### THE DATA ###
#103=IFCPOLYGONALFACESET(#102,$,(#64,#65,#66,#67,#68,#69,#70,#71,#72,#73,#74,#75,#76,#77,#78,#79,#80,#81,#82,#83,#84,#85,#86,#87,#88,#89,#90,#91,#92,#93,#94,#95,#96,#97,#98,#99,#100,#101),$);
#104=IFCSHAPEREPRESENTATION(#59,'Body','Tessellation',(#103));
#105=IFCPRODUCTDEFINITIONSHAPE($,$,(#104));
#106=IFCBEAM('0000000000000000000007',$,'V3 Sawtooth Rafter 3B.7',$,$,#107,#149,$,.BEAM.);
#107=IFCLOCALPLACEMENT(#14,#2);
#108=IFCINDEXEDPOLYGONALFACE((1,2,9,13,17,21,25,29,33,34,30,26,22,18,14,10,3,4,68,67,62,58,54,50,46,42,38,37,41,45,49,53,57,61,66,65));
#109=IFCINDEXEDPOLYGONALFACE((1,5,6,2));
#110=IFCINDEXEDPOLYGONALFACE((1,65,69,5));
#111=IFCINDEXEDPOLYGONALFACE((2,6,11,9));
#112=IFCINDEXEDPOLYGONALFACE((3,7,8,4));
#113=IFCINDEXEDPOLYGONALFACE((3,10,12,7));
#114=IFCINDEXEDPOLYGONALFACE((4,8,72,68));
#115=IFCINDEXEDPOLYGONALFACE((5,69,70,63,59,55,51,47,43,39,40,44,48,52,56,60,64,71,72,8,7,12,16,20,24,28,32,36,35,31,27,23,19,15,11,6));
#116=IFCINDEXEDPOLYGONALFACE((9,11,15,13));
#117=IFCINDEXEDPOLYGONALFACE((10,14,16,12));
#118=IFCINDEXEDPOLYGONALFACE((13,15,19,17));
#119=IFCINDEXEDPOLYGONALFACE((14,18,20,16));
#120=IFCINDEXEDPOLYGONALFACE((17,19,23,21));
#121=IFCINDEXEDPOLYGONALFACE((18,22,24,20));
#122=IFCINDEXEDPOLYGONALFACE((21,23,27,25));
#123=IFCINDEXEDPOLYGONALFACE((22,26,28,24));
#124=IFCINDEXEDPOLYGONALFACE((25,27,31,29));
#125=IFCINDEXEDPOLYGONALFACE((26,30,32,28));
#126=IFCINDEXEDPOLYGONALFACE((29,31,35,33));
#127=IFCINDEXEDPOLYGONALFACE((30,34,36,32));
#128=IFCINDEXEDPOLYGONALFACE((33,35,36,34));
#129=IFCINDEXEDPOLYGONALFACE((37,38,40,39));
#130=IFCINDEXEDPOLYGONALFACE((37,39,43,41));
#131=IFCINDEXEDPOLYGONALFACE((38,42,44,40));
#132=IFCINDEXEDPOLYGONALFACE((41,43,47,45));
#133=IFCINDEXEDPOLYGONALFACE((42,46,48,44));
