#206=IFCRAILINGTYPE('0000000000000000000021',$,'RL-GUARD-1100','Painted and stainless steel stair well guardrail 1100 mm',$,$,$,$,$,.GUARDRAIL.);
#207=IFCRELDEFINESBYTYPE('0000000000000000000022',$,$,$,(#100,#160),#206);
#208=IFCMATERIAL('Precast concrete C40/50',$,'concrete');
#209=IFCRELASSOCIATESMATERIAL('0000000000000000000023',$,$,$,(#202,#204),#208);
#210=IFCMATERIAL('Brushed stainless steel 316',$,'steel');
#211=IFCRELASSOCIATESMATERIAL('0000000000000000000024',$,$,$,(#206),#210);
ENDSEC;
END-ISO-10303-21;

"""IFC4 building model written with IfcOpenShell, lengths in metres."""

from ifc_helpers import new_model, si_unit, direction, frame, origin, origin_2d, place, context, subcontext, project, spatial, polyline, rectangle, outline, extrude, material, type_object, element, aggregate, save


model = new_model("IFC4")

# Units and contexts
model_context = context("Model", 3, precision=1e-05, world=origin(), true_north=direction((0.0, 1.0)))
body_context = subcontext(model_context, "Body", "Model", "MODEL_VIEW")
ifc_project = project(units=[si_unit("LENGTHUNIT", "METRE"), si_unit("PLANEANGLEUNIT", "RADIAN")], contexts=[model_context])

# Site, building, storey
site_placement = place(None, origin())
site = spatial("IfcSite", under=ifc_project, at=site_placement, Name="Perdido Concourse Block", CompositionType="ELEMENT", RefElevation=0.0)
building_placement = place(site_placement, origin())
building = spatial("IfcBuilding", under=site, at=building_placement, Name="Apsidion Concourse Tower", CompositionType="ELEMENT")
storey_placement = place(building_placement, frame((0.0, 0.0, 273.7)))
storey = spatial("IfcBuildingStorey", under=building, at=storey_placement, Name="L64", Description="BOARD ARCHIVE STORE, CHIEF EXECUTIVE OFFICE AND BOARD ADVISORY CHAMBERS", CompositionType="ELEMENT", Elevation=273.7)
###
= GOAL OF THE EXERCISE =
Check each line of the material for the string "frame" and state how many lines contain it, with only the number as the answer.

= ANSWER BOX =
2